> [DATA SHOWN]:
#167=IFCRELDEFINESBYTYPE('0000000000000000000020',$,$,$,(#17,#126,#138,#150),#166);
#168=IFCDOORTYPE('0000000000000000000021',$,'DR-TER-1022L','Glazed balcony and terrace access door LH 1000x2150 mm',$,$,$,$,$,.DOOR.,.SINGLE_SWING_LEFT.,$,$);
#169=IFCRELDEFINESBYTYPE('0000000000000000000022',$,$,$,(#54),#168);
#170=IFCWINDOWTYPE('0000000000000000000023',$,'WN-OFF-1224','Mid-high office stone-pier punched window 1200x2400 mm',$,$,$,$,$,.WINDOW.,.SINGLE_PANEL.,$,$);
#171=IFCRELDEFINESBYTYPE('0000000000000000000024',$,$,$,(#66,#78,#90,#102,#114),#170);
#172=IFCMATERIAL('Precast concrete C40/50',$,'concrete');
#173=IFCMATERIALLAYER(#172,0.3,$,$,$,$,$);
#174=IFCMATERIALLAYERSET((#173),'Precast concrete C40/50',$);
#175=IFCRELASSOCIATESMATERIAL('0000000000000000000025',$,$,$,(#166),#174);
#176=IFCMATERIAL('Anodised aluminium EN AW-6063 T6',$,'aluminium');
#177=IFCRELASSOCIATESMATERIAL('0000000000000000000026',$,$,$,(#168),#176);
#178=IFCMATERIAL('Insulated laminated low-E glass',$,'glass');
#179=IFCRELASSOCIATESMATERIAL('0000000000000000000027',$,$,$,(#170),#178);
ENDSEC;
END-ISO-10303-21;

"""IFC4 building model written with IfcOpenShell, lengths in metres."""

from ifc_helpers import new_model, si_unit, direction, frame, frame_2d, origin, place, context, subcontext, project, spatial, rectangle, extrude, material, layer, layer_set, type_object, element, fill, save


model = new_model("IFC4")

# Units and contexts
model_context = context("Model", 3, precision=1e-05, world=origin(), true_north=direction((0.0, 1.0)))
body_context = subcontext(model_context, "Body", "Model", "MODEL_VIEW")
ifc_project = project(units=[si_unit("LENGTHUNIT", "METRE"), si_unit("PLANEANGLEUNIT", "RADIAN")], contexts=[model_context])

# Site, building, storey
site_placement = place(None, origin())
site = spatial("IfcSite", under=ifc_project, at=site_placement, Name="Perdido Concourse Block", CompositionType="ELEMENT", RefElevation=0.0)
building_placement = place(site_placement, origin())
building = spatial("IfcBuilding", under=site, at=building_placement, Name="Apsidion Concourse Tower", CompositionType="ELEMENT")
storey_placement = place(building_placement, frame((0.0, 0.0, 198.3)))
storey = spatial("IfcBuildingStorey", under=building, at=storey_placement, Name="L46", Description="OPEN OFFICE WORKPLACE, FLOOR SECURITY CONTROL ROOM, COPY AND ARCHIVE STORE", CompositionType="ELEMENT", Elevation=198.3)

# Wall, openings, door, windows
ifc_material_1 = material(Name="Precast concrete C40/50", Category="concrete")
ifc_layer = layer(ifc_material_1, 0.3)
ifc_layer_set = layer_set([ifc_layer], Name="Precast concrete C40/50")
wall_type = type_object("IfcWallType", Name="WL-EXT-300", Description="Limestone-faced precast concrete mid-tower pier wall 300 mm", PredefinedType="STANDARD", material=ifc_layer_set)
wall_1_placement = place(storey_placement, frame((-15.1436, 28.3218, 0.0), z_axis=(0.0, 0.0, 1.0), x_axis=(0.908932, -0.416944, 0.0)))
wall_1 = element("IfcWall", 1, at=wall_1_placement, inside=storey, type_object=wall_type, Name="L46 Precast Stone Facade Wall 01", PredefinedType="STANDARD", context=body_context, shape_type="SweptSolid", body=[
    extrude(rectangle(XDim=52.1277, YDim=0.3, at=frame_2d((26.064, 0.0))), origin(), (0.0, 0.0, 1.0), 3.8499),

> [ABOUT THIS EXERCISE]: Sift through the entries and copy every line with "extrude".

> [TASK OUTPUT]:
from ifc_helpers import new_model, si_unit, direction, frame, frame_2d, origin, place, context, subcontext, project, spatial, rectangle, extrude, material, layer, layer_set, type_object, element, fill, save
    extrude(rectangle(XDim=52.1277, YDim=0.3, at=frame_2d((26.064, 0.0))), origin(), (0.0, 0.0, 1.0), 3.8499),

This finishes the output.